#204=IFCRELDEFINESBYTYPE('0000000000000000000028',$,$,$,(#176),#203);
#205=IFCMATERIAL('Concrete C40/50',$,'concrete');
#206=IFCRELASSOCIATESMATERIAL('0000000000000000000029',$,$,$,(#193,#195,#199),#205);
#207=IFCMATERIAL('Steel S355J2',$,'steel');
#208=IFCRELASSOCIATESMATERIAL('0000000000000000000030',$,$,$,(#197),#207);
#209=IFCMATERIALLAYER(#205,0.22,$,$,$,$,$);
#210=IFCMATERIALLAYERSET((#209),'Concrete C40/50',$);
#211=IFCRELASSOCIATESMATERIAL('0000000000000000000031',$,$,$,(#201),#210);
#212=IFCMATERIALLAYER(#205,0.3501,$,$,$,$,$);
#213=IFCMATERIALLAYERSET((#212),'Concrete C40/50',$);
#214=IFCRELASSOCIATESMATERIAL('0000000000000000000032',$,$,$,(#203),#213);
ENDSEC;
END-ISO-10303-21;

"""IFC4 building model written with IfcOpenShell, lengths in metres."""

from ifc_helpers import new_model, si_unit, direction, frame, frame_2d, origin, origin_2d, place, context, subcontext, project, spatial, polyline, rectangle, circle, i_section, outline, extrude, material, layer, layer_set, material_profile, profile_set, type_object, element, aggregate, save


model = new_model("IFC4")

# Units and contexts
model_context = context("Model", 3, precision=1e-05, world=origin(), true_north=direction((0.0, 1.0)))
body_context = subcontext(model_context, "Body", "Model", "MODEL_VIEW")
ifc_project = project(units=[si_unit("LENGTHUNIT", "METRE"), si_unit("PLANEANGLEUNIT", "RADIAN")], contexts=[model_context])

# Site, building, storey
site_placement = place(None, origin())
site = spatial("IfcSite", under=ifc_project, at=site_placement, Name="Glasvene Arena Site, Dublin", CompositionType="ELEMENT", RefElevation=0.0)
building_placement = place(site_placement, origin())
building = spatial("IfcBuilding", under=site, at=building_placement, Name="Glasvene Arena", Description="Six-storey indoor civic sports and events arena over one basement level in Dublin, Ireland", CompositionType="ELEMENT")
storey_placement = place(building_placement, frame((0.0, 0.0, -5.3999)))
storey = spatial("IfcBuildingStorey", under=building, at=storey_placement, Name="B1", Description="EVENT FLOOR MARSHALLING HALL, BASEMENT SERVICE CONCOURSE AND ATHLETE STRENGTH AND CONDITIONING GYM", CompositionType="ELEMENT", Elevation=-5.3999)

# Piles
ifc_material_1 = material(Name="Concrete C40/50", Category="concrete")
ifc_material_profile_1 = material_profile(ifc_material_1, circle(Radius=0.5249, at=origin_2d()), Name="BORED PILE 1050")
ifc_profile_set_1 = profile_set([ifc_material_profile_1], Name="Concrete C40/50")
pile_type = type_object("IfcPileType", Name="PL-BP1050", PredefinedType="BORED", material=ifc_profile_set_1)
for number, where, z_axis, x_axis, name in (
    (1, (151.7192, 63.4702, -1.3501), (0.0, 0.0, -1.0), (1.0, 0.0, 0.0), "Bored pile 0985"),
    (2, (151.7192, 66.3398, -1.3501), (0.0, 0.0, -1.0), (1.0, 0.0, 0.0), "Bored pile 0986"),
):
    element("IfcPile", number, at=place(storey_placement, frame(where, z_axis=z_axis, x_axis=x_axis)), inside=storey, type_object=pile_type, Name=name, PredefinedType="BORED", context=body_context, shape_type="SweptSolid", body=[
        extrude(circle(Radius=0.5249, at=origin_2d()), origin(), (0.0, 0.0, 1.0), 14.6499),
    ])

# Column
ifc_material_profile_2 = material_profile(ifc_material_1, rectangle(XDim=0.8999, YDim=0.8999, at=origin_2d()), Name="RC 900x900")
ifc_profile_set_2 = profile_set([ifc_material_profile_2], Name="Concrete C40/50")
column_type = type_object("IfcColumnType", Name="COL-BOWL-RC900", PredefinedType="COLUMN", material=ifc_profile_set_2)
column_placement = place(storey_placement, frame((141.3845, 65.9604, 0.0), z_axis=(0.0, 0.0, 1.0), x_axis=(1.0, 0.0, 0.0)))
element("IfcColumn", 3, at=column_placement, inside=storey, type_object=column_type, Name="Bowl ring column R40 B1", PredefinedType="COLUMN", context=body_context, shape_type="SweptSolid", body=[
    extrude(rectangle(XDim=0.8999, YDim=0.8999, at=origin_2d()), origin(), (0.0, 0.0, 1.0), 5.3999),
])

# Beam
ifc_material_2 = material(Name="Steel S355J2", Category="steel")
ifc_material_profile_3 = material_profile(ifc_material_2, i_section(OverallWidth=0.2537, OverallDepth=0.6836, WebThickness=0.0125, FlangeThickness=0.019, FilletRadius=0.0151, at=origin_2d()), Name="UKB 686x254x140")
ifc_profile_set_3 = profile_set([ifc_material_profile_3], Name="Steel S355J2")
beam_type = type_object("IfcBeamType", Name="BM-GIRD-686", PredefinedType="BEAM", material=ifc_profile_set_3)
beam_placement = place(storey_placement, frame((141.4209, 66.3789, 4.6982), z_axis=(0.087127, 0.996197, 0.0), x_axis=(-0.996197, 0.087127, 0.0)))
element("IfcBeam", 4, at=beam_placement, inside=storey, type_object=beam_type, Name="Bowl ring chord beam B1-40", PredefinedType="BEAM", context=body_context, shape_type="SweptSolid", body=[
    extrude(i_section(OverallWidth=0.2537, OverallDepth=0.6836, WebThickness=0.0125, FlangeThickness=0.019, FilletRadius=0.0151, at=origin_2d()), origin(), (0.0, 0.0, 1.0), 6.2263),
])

# # # # # # #

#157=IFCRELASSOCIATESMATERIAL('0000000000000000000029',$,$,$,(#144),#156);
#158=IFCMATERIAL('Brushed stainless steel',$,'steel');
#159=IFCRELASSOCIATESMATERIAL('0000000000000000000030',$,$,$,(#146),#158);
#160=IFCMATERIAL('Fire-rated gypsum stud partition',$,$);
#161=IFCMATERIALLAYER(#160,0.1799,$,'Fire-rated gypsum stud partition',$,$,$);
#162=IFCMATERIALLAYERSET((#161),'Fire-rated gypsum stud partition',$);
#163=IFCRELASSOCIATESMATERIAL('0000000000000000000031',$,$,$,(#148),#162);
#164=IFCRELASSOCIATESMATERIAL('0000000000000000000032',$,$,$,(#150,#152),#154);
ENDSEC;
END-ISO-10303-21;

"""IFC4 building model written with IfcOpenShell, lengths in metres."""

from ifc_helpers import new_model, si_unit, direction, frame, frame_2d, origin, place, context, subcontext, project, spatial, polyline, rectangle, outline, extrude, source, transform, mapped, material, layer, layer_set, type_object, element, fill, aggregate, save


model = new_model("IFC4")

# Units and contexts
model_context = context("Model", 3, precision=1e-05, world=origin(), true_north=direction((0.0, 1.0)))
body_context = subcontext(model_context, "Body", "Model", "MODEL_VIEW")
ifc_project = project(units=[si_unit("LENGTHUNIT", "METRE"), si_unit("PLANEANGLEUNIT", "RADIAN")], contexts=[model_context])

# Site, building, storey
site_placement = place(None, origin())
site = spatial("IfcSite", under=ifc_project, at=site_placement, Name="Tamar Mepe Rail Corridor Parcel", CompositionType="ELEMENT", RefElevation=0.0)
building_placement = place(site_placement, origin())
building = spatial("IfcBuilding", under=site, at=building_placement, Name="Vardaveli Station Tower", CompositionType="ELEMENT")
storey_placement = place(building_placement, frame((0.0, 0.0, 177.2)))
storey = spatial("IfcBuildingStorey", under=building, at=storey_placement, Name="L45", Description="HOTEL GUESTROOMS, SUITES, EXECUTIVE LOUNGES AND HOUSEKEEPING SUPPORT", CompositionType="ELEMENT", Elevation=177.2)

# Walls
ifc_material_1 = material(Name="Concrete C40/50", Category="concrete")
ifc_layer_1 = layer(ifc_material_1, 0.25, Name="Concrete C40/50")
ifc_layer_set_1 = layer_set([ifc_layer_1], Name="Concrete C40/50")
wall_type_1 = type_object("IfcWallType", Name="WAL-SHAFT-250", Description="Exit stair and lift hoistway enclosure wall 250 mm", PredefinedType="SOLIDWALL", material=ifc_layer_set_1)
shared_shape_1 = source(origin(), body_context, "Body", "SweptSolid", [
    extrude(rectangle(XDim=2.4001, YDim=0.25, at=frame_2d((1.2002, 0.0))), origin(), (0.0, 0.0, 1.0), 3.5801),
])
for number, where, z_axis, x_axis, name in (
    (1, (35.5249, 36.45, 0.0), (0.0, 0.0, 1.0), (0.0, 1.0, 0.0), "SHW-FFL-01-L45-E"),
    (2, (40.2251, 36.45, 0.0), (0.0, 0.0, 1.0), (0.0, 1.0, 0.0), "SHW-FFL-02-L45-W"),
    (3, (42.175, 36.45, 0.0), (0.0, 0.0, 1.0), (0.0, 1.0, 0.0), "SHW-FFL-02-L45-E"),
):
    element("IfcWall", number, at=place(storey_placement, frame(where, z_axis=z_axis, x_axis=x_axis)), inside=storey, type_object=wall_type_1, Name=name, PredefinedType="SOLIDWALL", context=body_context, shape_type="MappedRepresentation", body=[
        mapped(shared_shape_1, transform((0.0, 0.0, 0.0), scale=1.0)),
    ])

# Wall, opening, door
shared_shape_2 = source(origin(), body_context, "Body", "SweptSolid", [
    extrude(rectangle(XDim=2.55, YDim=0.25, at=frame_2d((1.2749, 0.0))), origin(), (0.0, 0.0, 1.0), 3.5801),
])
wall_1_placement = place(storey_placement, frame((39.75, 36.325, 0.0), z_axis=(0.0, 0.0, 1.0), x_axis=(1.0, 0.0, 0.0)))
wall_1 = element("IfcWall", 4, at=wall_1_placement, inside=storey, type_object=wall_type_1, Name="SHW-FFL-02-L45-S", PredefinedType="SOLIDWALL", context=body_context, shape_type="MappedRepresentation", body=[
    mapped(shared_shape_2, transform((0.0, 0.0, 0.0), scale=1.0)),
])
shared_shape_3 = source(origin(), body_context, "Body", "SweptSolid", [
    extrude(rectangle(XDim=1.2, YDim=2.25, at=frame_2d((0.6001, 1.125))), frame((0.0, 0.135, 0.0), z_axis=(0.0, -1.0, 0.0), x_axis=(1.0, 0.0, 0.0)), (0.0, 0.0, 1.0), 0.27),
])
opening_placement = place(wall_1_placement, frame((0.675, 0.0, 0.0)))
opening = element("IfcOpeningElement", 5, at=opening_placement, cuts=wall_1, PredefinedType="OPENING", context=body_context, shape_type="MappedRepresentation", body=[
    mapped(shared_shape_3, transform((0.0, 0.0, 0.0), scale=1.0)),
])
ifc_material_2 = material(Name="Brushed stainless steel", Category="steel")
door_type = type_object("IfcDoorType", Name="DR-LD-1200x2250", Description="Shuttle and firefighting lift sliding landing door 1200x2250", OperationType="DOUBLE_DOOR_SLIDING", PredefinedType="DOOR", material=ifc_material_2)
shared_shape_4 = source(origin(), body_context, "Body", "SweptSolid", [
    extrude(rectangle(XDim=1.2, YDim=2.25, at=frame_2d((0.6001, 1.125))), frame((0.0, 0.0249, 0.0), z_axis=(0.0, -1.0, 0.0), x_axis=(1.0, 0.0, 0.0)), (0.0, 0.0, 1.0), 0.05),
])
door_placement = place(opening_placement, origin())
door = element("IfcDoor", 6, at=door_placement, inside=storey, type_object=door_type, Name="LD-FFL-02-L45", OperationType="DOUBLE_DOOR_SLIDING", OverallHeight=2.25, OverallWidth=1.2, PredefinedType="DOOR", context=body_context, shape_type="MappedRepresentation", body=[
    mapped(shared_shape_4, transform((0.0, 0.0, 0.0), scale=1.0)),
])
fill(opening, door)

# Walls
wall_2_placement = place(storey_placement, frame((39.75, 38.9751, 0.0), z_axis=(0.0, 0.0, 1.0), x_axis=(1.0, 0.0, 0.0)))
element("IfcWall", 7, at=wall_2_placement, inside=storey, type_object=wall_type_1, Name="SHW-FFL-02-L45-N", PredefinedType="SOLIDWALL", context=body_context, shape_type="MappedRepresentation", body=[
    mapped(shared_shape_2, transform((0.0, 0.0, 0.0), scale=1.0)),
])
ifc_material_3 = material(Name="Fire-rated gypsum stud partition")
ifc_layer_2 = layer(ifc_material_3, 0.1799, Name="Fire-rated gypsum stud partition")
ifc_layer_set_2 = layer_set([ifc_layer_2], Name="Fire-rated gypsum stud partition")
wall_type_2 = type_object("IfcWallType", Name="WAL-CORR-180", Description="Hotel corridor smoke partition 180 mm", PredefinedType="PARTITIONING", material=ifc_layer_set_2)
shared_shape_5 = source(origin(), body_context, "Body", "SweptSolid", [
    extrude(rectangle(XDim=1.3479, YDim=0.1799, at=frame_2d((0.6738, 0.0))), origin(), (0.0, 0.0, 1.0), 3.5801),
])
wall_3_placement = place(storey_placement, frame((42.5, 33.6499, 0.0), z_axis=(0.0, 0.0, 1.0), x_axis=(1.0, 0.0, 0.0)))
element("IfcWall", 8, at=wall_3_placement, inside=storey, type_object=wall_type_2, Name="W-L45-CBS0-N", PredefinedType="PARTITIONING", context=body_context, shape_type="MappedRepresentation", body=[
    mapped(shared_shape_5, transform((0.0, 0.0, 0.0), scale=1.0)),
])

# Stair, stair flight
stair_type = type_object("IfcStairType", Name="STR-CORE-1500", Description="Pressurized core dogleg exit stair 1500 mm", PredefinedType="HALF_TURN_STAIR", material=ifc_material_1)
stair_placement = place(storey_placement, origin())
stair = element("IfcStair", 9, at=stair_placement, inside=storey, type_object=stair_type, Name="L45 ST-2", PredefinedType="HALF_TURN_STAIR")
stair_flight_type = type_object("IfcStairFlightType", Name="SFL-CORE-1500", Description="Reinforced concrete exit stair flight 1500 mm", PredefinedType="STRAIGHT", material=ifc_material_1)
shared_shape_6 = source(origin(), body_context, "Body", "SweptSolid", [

# # # # # # #

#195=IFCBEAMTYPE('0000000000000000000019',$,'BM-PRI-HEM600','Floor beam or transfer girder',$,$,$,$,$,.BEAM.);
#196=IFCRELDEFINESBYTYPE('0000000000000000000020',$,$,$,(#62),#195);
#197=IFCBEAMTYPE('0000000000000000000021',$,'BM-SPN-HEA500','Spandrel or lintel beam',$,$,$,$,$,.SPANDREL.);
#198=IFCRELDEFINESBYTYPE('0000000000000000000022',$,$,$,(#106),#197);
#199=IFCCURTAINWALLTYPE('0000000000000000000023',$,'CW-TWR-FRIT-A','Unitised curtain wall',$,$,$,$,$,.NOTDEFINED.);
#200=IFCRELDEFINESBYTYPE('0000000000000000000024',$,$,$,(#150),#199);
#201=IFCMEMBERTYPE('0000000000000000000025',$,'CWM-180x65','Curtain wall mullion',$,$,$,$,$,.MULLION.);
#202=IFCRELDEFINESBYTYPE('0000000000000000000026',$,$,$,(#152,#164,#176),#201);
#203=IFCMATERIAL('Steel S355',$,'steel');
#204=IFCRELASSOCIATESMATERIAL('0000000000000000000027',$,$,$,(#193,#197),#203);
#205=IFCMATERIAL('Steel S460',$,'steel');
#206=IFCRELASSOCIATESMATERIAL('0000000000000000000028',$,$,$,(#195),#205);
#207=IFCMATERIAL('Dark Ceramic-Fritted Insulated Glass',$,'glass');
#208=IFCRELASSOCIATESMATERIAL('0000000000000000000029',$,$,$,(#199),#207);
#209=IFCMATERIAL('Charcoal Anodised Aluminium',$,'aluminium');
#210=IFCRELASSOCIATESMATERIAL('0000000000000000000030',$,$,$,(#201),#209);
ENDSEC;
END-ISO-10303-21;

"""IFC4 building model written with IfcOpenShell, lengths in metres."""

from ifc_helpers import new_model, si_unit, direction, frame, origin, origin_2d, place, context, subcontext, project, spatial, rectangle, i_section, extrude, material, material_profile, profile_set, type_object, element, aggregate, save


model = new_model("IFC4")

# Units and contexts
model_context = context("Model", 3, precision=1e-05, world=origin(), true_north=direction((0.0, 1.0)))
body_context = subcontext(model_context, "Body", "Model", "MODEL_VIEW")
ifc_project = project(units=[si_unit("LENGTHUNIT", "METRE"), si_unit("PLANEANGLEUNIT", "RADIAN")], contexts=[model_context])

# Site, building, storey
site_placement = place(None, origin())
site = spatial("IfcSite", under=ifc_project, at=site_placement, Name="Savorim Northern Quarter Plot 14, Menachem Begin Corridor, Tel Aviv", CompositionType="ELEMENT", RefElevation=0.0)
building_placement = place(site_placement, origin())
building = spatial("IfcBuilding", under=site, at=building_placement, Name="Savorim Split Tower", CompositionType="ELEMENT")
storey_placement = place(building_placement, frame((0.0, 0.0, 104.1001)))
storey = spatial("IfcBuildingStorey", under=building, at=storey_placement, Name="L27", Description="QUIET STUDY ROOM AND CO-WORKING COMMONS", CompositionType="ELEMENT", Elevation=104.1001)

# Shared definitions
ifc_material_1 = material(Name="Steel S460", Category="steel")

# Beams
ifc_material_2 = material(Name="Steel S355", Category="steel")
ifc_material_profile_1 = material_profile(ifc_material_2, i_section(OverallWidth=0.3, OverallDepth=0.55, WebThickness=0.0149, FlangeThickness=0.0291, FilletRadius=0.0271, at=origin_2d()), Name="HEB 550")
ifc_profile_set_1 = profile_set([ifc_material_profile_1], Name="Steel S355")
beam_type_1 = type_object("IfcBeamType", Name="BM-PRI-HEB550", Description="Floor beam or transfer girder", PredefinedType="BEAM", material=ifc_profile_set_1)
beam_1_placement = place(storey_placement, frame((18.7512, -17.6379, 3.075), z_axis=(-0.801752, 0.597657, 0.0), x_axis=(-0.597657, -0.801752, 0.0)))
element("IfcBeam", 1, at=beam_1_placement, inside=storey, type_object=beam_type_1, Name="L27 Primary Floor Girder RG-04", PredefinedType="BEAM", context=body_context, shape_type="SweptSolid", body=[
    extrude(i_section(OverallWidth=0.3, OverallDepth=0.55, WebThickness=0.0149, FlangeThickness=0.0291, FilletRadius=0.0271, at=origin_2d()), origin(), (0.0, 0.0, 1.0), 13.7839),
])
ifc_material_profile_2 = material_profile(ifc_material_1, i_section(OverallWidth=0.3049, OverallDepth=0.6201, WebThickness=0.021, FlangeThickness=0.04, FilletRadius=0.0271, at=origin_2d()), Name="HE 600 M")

# # # # # # #

→ Problem to work on: Would you copy out every line in the records that includes the string "scale"?

→ Answer section:
        mapped(shared_shape_1, transform((0.0, 0.0, 0.0), scale=1.0)),
    mapped(shared_shape_2, transform((0.0, 0.0, 0.0), scale=1.0)),
    mapped(shared_shape_3, transform((0.0, 0.0, 0.0), scale=1.0)),
    mapped(shared_shape_4, transform((0.0, 0.0, 0.0), scale=1.0)),
    mapped(shared_shape_2, transform((0.0, 0.0, 0.0), scale=1.0)),
    mapped(shared_shape_5, transform((0.0, 0.0, 0.0), scale=1.0)),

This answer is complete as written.